Data supplied:
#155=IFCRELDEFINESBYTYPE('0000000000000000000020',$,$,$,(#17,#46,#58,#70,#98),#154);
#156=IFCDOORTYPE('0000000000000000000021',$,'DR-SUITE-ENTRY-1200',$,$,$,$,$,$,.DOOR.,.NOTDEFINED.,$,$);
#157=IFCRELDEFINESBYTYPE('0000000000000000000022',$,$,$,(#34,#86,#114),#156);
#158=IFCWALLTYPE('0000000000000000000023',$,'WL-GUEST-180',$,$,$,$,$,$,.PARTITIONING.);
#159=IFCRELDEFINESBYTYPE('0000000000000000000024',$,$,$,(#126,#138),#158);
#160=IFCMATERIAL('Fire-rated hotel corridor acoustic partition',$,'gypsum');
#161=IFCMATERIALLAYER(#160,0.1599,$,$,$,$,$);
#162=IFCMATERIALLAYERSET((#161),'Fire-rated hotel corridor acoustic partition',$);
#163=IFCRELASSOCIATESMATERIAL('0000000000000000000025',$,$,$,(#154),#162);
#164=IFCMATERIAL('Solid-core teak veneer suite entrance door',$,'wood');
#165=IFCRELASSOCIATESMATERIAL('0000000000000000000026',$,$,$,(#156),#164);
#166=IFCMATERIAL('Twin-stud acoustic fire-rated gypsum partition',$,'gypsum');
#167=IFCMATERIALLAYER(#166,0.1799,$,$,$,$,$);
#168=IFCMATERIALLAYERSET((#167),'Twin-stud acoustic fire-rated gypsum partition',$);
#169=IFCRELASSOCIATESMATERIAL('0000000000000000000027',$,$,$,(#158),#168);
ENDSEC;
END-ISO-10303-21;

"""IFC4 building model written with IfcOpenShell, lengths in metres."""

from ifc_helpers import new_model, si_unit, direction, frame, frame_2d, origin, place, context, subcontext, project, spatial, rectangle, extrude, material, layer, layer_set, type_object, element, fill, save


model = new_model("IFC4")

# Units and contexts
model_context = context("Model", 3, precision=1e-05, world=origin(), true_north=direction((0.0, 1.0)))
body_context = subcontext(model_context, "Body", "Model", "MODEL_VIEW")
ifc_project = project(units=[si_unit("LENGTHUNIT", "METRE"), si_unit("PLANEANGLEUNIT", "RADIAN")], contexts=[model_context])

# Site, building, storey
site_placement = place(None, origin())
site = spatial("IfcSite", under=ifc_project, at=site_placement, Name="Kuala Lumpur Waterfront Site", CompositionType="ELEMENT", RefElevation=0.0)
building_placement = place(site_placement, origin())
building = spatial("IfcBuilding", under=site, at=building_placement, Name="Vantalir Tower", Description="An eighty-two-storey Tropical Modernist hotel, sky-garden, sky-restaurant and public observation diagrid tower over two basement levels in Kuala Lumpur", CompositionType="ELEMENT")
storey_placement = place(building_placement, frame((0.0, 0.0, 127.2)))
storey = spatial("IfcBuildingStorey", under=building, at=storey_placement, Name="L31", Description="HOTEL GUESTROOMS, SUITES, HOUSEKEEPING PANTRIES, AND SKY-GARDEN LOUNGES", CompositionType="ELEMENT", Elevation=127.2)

Exercise directions: In the records above, the line with "#164=IFCMATERIAL('Solid-core teak veneer" marks the start and the line with "#167=IFCMATERIALLAYER(#166,0.1799,$,$,$,$,$);" marks the end; copy that stretch exactly, both lines included, and nothing else.

Worked solution:
#164=IFCMATERIAL('Solid-core teak veneer suite entrance door',$,'wood');
#165=IFCRELASSOCIATESMATERIAL('0000000000000000000026',$,$,$,(#156),#164);
#166=IFCMATERIAL('Twin-stud acoustic fire-rated gypsum partition',$,'gypsum');
#167=IFCMATERIALLAYER(#166,0.1799,$,$,$,$,$);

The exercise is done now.